__Provided material__:
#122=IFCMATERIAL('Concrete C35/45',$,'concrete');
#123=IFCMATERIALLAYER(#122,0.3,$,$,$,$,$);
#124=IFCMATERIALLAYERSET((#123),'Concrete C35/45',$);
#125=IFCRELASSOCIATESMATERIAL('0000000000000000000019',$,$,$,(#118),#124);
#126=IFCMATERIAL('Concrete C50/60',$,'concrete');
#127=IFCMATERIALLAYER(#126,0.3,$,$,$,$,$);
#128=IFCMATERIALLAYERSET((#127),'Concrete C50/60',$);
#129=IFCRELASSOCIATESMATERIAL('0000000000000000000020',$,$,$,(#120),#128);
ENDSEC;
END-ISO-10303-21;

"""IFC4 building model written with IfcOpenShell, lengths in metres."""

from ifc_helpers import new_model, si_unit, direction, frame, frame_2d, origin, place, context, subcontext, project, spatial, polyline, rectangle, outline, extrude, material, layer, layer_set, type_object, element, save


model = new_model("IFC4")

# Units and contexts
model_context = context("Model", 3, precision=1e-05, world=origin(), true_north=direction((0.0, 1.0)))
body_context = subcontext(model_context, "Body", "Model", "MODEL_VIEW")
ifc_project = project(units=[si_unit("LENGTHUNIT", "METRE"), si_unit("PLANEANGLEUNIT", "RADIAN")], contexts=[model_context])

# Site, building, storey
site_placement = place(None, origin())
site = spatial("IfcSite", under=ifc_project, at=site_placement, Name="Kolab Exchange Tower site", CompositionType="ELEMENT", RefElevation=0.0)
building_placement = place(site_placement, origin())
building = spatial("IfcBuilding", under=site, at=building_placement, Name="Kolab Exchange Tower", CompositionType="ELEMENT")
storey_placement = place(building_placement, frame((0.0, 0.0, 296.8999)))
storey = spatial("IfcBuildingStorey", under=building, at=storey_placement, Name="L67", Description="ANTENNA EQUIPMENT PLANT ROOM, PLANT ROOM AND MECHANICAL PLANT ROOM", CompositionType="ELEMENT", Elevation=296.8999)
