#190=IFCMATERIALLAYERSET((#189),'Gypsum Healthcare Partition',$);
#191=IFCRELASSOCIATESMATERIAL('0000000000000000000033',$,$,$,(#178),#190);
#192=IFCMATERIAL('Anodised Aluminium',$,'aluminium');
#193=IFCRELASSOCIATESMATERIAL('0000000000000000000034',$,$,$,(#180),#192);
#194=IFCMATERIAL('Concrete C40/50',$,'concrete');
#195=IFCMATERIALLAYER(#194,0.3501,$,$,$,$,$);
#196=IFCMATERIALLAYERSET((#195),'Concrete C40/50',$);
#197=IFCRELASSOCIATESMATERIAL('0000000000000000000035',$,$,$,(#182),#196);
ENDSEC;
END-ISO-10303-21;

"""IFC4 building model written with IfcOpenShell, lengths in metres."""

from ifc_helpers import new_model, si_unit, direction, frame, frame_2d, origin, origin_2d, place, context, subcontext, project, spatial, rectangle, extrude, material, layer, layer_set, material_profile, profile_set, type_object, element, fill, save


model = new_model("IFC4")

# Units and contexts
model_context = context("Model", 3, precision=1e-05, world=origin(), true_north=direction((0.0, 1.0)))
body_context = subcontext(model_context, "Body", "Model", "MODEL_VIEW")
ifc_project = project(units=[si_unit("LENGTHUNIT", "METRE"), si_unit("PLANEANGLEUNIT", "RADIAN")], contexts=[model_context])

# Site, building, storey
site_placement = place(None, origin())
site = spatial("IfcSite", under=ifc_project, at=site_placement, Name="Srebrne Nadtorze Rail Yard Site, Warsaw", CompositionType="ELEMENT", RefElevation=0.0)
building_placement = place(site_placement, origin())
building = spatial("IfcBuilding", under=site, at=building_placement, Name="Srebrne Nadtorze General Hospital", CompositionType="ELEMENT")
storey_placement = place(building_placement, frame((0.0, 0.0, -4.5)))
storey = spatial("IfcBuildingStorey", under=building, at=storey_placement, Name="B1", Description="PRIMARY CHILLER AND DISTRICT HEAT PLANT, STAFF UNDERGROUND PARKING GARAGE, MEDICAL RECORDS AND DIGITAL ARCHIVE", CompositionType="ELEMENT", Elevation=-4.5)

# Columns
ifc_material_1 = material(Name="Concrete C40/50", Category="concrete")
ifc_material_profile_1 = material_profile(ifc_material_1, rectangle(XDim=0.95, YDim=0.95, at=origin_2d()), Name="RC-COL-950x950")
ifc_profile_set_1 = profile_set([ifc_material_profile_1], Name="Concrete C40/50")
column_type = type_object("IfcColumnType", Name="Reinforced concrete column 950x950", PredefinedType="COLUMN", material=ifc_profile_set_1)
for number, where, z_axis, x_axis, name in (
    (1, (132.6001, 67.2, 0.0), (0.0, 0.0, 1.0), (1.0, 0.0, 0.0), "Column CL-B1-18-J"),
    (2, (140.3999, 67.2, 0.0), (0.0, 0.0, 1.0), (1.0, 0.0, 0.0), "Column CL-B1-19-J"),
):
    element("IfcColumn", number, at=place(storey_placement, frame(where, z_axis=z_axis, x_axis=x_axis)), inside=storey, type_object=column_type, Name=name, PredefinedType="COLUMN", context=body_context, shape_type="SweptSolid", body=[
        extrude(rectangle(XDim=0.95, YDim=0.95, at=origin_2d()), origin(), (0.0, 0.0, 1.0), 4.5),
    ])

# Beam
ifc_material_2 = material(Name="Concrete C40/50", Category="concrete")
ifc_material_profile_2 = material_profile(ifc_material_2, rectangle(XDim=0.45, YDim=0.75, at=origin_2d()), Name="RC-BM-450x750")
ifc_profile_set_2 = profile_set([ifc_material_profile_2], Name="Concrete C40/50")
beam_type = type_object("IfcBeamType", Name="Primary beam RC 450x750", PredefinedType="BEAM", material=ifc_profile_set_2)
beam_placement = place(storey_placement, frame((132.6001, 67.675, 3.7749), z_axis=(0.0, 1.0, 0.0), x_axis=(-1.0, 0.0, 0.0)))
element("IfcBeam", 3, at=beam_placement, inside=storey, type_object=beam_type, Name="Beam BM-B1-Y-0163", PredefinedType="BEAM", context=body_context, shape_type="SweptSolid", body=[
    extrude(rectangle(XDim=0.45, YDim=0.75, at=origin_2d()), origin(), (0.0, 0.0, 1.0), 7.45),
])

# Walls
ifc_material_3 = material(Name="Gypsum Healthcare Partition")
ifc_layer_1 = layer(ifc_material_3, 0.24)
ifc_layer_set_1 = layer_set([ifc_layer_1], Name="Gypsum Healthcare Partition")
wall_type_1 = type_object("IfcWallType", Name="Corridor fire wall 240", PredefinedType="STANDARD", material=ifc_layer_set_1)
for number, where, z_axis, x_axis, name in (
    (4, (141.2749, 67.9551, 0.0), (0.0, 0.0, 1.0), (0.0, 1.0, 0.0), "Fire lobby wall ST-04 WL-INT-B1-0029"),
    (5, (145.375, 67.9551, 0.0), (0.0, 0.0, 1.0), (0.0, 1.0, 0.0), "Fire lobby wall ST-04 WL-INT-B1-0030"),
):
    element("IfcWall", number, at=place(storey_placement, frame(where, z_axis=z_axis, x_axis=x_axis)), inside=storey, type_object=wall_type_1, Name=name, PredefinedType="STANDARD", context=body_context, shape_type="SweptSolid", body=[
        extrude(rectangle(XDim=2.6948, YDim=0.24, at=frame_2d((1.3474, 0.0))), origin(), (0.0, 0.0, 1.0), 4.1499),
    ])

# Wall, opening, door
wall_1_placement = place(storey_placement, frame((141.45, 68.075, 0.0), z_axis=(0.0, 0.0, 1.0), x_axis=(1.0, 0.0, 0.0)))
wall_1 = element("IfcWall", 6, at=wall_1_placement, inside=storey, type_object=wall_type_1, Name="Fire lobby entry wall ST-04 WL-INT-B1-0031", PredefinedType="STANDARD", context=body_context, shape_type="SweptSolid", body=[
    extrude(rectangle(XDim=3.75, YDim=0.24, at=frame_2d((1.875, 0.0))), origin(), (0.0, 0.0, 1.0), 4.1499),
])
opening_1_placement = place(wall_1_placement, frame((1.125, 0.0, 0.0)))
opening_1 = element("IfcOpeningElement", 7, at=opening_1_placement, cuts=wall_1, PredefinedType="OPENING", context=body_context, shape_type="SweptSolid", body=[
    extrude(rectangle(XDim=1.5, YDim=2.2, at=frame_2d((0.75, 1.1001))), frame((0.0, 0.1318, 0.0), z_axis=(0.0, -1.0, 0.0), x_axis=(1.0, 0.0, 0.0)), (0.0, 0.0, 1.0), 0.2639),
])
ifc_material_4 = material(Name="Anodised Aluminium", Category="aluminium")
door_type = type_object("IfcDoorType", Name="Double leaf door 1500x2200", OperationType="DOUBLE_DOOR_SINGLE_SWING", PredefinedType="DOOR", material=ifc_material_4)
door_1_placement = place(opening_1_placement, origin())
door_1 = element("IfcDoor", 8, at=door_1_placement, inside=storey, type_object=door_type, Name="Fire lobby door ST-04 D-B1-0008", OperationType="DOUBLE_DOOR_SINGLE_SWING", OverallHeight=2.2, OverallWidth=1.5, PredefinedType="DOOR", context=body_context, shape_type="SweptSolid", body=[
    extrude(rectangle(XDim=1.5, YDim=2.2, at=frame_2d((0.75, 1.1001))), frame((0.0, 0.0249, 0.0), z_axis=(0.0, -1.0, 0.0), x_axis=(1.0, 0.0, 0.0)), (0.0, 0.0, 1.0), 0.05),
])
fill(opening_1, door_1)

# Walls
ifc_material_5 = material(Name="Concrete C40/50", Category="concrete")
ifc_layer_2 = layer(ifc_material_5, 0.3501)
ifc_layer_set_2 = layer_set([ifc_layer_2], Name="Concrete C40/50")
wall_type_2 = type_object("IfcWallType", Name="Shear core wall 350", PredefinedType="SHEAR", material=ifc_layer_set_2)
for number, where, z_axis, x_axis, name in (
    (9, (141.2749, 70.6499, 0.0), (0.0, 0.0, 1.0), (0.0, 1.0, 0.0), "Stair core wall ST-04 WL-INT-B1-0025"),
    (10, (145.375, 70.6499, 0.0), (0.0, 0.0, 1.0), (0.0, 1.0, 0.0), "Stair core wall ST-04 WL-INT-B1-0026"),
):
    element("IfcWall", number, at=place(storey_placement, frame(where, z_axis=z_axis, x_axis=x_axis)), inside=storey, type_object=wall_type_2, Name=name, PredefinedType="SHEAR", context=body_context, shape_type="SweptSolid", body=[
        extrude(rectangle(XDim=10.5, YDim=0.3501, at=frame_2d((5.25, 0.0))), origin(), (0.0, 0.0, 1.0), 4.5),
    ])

__Exercise__:
From the top of the listing above, restate each line word for word up to and including the line with "#128=IFCMATERIALLAYERSET((#127),'Concrete C50/60',$);"; add nothing else.

__Result__:
#122=IFCMATERIAL('Concrete C35/45',$,'concrete');
#123=IFCMATERIALLAYER(#122,0.3,$,$,$,$,$);
#124=IFCMATERIALLAYERSET((#123),'Concrete C35/45',$);
#125=IFCRELASSOCIATESMATERIAL('0000000000000000000019',$,$,$,(#118),#124);
#126=IFCMATERIAL('Concrete C50/60',$,'concrete');
#127=IFCMATERIALLAYER(#126,0.3,$,$,$,$,$);
#128=IFCMATERIALLAYERSET((#127),'Concrete C50/60',$);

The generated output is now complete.